**Task**
List each line of the data that holds the string "IFCRELCONTAINEDINSPATIALSTRUCTURE".
*** Opening Study material ***
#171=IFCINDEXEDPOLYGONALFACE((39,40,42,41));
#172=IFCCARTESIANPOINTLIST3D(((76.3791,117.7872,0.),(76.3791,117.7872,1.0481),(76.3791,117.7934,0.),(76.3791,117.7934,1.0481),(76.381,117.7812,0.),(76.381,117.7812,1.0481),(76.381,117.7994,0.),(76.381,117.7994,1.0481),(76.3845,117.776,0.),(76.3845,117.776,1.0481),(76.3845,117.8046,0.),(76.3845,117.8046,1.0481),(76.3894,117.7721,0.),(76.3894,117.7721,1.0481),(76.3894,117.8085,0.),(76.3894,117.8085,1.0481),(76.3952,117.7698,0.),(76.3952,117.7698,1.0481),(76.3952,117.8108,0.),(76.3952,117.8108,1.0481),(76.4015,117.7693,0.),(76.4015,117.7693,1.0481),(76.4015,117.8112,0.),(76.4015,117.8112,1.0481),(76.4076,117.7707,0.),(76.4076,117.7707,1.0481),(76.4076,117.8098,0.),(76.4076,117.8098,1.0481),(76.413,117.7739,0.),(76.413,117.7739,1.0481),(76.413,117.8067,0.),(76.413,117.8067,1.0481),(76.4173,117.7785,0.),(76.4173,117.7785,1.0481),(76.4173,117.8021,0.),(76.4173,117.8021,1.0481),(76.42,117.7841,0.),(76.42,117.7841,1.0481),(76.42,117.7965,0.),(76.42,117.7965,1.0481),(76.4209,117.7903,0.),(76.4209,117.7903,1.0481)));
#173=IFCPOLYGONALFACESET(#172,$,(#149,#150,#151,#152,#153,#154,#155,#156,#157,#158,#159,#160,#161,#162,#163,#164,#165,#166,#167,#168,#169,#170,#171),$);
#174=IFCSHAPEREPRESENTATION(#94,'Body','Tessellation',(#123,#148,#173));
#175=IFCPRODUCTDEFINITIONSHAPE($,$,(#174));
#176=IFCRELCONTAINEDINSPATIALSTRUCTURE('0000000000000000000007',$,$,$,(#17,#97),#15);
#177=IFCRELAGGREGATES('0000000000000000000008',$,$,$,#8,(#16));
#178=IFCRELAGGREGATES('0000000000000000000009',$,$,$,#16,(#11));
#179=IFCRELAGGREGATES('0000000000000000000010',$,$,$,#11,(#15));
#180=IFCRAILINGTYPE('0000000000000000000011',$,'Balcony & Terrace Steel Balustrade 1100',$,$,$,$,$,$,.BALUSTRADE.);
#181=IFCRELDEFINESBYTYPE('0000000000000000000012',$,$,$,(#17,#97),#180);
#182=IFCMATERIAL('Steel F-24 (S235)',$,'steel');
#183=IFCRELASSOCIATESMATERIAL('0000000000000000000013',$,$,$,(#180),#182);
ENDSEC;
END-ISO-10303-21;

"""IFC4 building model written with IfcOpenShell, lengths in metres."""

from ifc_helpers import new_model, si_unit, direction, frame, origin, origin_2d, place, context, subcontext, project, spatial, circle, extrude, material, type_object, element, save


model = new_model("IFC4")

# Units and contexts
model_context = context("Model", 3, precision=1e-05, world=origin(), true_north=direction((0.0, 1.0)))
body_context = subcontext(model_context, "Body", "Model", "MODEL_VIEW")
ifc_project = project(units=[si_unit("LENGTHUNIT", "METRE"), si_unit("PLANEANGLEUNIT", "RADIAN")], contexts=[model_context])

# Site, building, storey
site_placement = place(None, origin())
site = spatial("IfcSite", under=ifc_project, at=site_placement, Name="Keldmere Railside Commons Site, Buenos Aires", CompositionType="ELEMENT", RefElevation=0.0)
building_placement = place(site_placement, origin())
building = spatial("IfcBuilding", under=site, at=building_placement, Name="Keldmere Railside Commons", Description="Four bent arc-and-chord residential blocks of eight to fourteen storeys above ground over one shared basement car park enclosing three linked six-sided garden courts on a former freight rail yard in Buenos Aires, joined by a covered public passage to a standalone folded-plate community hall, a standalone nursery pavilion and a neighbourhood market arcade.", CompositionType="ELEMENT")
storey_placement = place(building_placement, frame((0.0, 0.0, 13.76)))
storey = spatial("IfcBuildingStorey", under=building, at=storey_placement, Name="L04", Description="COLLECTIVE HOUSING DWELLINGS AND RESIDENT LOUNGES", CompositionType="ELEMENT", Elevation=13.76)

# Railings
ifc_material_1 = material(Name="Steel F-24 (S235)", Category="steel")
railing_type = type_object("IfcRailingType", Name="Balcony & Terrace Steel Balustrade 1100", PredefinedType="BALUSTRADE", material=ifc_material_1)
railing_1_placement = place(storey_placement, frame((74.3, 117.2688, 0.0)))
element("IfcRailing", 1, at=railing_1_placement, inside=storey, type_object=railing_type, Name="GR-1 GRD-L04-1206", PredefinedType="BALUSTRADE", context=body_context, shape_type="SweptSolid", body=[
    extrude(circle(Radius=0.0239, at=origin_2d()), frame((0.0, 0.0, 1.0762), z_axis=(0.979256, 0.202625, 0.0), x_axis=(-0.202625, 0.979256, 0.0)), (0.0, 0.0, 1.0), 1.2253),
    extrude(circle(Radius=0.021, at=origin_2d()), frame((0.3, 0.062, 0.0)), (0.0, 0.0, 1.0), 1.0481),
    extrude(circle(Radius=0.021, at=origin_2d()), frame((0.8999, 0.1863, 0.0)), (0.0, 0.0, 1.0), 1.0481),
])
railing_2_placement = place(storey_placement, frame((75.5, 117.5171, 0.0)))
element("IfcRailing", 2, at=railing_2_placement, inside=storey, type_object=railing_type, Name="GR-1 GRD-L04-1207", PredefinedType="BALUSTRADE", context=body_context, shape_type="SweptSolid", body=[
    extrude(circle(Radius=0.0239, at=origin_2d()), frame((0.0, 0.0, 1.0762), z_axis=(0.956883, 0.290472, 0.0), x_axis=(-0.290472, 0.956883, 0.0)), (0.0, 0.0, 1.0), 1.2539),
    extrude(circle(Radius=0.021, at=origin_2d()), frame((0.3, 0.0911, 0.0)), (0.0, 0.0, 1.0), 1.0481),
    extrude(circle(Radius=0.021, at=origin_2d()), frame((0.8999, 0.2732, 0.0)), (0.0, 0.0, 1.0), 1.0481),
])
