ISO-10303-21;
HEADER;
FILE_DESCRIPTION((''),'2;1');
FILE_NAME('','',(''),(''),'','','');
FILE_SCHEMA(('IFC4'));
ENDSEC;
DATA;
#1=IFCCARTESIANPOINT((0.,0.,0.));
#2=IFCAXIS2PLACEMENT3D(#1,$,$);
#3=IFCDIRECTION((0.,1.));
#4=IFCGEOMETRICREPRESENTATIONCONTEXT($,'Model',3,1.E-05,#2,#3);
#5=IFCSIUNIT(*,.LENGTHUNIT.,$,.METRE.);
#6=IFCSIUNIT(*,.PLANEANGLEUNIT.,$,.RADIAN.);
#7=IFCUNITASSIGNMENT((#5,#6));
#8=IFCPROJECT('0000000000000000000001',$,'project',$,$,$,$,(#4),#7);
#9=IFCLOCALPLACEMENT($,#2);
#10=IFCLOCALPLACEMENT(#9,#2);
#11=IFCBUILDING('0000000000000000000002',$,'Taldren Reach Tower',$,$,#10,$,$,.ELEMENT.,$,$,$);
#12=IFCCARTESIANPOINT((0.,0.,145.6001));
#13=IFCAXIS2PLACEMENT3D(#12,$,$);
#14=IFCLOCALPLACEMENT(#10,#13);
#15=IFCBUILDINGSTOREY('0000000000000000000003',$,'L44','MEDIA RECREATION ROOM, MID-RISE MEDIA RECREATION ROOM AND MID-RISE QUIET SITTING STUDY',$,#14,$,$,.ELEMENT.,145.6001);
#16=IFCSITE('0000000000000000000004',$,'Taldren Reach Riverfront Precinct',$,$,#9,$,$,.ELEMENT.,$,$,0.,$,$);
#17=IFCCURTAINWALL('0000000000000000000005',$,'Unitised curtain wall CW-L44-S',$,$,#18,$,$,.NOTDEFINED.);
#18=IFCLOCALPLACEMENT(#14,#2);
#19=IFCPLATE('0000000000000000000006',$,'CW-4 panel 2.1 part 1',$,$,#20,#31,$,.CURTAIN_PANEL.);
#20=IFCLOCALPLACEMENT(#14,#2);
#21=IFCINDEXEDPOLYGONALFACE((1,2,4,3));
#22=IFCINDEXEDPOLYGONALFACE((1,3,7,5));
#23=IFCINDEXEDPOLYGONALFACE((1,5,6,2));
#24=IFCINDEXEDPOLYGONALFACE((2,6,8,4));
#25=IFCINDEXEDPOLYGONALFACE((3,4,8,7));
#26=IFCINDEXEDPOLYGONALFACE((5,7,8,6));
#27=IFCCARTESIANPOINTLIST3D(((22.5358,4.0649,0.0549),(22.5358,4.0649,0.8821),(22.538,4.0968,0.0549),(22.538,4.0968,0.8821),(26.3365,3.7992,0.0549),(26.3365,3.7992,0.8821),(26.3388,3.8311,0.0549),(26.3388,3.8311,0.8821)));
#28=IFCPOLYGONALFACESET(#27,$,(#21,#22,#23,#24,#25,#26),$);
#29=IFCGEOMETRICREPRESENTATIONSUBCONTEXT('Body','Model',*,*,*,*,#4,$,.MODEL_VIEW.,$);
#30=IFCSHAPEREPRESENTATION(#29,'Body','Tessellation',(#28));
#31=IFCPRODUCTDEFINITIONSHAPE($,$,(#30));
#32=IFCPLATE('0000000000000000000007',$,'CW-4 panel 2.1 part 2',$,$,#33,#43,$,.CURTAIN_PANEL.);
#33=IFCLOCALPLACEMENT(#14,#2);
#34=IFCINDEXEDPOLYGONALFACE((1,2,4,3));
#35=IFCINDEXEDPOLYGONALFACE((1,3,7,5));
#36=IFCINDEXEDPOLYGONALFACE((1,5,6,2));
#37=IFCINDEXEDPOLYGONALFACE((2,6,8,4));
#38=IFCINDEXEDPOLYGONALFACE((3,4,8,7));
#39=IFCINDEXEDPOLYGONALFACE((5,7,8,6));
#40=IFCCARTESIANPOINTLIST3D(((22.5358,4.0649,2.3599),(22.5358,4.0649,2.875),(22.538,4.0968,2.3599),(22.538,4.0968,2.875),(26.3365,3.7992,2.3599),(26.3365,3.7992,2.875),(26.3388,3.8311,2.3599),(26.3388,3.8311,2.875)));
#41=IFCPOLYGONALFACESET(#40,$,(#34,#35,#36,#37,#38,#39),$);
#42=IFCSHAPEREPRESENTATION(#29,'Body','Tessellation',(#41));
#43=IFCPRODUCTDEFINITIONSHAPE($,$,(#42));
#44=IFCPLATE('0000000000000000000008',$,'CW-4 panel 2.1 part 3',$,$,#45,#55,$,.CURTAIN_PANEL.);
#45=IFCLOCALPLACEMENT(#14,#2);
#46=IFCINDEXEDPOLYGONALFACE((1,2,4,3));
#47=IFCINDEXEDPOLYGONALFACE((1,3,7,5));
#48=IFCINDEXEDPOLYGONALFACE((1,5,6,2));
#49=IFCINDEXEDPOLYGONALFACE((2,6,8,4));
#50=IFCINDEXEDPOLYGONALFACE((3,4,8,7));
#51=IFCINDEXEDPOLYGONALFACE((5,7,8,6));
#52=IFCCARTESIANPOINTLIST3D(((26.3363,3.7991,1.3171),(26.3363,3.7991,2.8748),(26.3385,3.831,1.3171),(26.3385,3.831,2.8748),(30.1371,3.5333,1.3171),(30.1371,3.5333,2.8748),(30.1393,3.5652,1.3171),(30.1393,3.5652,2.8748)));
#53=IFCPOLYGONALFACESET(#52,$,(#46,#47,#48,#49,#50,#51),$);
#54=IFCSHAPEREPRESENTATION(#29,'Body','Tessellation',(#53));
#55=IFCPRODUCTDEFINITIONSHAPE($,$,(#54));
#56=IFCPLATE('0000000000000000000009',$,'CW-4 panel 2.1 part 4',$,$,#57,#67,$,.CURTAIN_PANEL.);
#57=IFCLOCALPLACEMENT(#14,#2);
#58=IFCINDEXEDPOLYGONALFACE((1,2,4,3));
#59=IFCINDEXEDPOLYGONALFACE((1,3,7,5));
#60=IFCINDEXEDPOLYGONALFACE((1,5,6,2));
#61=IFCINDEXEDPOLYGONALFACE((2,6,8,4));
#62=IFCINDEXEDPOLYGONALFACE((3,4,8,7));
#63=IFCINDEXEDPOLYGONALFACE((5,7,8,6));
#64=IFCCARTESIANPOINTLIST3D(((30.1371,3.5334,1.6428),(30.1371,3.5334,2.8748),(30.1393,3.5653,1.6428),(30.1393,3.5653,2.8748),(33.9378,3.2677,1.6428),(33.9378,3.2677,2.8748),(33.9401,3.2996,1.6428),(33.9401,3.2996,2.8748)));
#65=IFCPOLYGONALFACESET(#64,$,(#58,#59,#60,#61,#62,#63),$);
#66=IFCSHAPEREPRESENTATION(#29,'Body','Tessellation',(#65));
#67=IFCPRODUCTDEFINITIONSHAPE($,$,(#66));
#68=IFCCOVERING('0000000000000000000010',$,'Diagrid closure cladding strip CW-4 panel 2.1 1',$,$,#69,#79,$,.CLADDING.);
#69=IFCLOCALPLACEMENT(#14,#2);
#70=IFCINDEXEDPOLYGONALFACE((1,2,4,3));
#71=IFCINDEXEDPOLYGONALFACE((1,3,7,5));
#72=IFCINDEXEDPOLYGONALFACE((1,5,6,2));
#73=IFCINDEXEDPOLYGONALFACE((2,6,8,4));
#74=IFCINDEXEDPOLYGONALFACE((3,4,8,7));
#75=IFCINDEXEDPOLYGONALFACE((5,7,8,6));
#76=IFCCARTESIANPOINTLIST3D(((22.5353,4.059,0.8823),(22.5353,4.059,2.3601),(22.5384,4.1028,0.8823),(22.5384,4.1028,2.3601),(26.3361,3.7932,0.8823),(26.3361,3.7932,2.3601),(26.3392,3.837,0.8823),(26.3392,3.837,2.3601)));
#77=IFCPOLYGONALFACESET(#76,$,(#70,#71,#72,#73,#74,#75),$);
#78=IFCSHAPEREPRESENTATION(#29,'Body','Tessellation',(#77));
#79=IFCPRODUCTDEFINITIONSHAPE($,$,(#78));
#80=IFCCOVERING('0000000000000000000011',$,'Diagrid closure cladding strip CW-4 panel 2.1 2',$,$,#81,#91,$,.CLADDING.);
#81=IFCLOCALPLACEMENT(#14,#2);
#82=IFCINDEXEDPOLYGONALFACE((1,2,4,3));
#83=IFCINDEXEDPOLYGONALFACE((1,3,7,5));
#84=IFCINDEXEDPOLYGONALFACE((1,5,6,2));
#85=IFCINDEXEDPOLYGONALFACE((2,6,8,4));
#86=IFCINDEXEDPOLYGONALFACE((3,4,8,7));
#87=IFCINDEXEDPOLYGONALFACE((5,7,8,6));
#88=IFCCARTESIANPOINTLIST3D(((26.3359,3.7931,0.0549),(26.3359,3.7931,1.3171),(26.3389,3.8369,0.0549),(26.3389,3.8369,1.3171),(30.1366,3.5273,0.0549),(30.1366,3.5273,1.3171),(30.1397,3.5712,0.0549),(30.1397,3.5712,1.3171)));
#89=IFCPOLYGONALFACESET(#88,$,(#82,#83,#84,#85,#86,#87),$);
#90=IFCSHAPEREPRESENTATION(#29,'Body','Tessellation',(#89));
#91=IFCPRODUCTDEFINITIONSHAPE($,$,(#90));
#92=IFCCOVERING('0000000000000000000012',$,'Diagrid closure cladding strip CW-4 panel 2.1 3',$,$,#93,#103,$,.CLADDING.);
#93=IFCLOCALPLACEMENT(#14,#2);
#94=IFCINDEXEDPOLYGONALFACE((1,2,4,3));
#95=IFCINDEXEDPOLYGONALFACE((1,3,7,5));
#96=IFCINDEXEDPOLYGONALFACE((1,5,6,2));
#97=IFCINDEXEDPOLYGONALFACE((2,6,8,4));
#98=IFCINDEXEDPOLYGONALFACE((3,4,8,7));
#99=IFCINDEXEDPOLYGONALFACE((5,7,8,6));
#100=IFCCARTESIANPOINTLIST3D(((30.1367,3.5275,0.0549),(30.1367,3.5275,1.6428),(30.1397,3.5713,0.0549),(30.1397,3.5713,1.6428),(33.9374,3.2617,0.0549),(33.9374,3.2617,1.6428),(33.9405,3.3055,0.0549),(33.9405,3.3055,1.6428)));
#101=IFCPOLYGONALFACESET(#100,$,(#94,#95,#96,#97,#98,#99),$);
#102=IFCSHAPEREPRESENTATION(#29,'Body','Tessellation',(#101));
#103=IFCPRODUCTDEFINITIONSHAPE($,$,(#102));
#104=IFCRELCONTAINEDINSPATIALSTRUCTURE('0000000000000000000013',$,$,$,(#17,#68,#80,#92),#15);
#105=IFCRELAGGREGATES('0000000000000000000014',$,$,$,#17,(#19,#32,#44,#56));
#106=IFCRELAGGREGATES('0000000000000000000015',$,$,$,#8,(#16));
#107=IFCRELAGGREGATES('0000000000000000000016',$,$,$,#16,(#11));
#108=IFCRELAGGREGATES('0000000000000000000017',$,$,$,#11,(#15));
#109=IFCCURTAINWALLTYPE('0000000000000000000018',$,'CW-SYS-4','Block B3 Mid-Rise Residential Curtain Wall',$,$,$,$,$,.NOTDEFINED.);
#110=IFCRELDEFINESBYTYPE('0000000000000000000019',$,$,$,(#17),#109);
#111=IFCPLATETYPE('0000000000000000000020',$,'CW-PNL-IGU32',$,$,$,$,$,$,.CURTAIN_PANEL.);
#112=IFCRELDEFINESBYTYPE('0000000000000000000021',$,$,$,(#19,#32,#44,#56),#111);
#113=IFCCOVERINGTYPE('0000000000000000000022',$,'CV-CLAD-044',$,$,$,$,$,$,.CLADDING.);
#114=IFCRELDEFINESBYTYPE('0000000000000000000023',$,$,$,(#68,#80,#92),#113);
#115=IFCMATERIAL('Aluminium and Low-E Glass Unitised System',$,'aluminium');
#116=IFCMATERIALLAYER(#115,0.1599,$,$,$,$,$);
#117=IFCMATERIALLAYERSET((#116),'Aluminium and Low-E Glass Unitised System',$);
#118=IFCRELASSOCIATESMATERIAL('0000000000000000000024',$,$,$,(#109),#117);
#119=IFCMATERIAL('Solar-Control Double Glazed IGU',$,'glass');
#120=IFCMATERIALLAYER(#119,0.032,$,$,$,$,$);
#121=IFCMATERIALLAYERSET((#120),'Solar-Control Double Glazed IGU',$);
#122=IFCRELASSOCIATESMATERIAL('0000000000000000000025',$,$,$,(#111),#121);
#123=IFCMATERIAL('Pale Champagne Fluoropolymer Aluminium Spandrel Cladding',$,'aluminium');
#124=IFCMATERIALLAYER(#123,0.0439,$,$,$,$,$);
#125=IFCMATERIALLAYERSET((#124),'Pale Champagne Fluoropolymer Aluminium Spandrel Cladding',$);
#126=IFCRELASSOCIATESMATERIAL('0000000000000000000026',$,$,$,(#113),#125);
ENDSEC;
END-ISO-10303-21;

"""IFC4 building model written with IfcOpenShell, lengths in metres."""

from ifc_helpers import new_model, si_unit, direction, frame, origin, origin_2d, place, context, subcontext, project, spatial, rectangle, extrude, source, transform, mapped, material, layer, layer_set, type_object, element, aggregate, save


model = new_model("IFC4")

# Units and contexts
model_context = context("Model", 3, precision=1e-05, world=origin(), true_north=direction((0.0, 1.0)))
body_context = subcontext(model_context, "Body", "Model", "MODEL_VIEW")
ifc_project = project(units=[si_unit("LENGTHUNIT", "METRE"), si_unit("PLANEANGLEUNIT", "RADIAN")], contexts=[model_context])

# Site, building, storey
site_placement = place(None, origin())
site = spatial("IfcSite", under=ifc_project, at=site_placement, Name="Taldren Reach Riverfront Precinct", CompositionType="ELEMENT", RefElevation=0.0)
building_placement = place(site_placement, origin())
building = spatial("IfcBuilding", under=site, at=building_placement, Name="Taldren Reach Tower", CompositionType="ELEMENT")
storey_placement = place(building_placement, frame((0.0, 0.0, 145.6001)))
storey = spatial("IfcBuildingStorey", under=building, at=storey_placement, Name="L44", Description="MEDIA RECREATION ROOM, MID-RISE MEDIA RECREATION ROOM AND MID-RISE QUIET SITTING STUDY", CompositionType="ELEMENT", Elevation=145.6001)

# Curtain wall
ifc_material_1 = material(Name="Aluminium and Low-E Glass Unitised System", Category="aluminium")
ifc_layer_1 = layer(ifc_material_1, 0.1599)
ifc_layer_set_1 = layer_set([ifc_layer_1], Name="Aluminium and Low-E Glass Unitised System")
curtain_wall_type = type_object("IfcCurtainWallType", Name="CW-SYS-4", Description="Block B3 Mid-Rise Residential Curtain Wall", PredefinedType="NOTDEFINED", material=ifc_layer_set_1)
curtain_wall_placement = place(storey_placement, origin())
curtain_wall = element("IfcCurtainWall", 1, at=curtain_wall_placement, inside=storey, type_object=curtain_wall_type, Name="Unitised curtain wall CW-L44-S", PredefinedType="NOTDEFINED")

# Plates
ifc_material_2 = material(Name="Solar-Control Double Glazed IGU", Category="glass")
ifc_layer_2 = layer(ifc_material_2, 0.032)
ifc_layer_set_2 = layer_set([ifc_layer_2], Name="Solar-Control Double Glazed IGU")
plate_type_1 = type_object("IfcPlateType", Name="CW-PNL-IGU32", PredefinedType="CURTAIN_PANEL", material=ifc_layer_set_2)
shared_shape_1 = source(origin(), body_context, "Body", "SweptSolid", [
    extrude(rectangle(XDim=3.8101, YDim=0.032, at=origin_2d()), origin(), (0.0, 0.0, 1.0), 0.8271),
])
plate_1_placement = place(storey_placement, frame((24.4373, 3.948, 0.0549), z_axis=(0.0, 0.0, 1.0), x_axis=(0.997564, -0.069757, 0.0)))
plate_1 = element("IfcPlate", 2, at=plate_1_placement, type_object=plate_type_1, Name="CW-4 panel 2.1 part 1", PredefinedType="CURTAIN_PANEL", context=body_context, shape_type="MappedRepresentation", body=[
    mapped(shared_shape_1, transform((0.0, 0.0, 0.0), scale=1.0)),
])
shared_shape_2 = source(origin(), body_context, "Body", "SweptSolid", [
    extrude(rectangle(XDim=3.8101, YDim=0.032, at=origin_2d()), origin(), (0.0, 0.0, 1.0), 0.5151),
])
plate_2_placement = place(storey_placement, frame((24.4373, 3.948, 2.3599), z_axis=(0.0, 0.0, 1.0), x_axis=(0.997564, -0.069757, 0.0)))
plate_2 = element("IfcPlate", 3, at=plate_2_placement, type_object=plate_type_1, Name="CW-4 panel 2.1 part 2", PredefinedType="CURTAIN_PANEL", context=body_context, shape_type="MappedRepresentation", body=[
    mapped(shared_shape_2, transform((0.0, 0.0, 0.0), scale=1.0)),
])
shared_shape_3 = source(origin(), body_context, "Body", "SweptSolid", [
    extrude(rectangle(XDim=3.8101, YDim=0.032, at=origin_2d()), origin(), (0.0, 0.0, 1.0), 1.5576),
])
plate_3_placement = place(storey_placement, frame((28.2378, 3.6821, 1.3171), z_axis=(0.0, 0.0, 1.0), x_axis=(0.997564, -0.069757, 0.0)))
plate_3 = element("IfcPlate", 4, at=plate_3_placement, type_object=plate_type_1, Name="CW-4 panel 2.1 part 3", PredefinedType="CURTAIN_PANEL", context=body_context, shape_type="MappedRepresentation", body=[
    mapped(shared_shape_3, transform((0.0, 0.0, 0.0), scale=1.0)),
])
shared_shape_4 = source(origin(), body_context, "Body", "SweptSolid", [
*** Closing Study material ***
**Result of this task**
#176=IFCRELCONTAINEDINSPATIALSTRUCTURE('0000000000000000000007',$,$,$,(#17,#97),#15);
#104=IFCRELCONTAINEDINSPATIALSTRUCTURE('0000000000000000000013',$,$,$,(#17,#68,#80,#92),#15);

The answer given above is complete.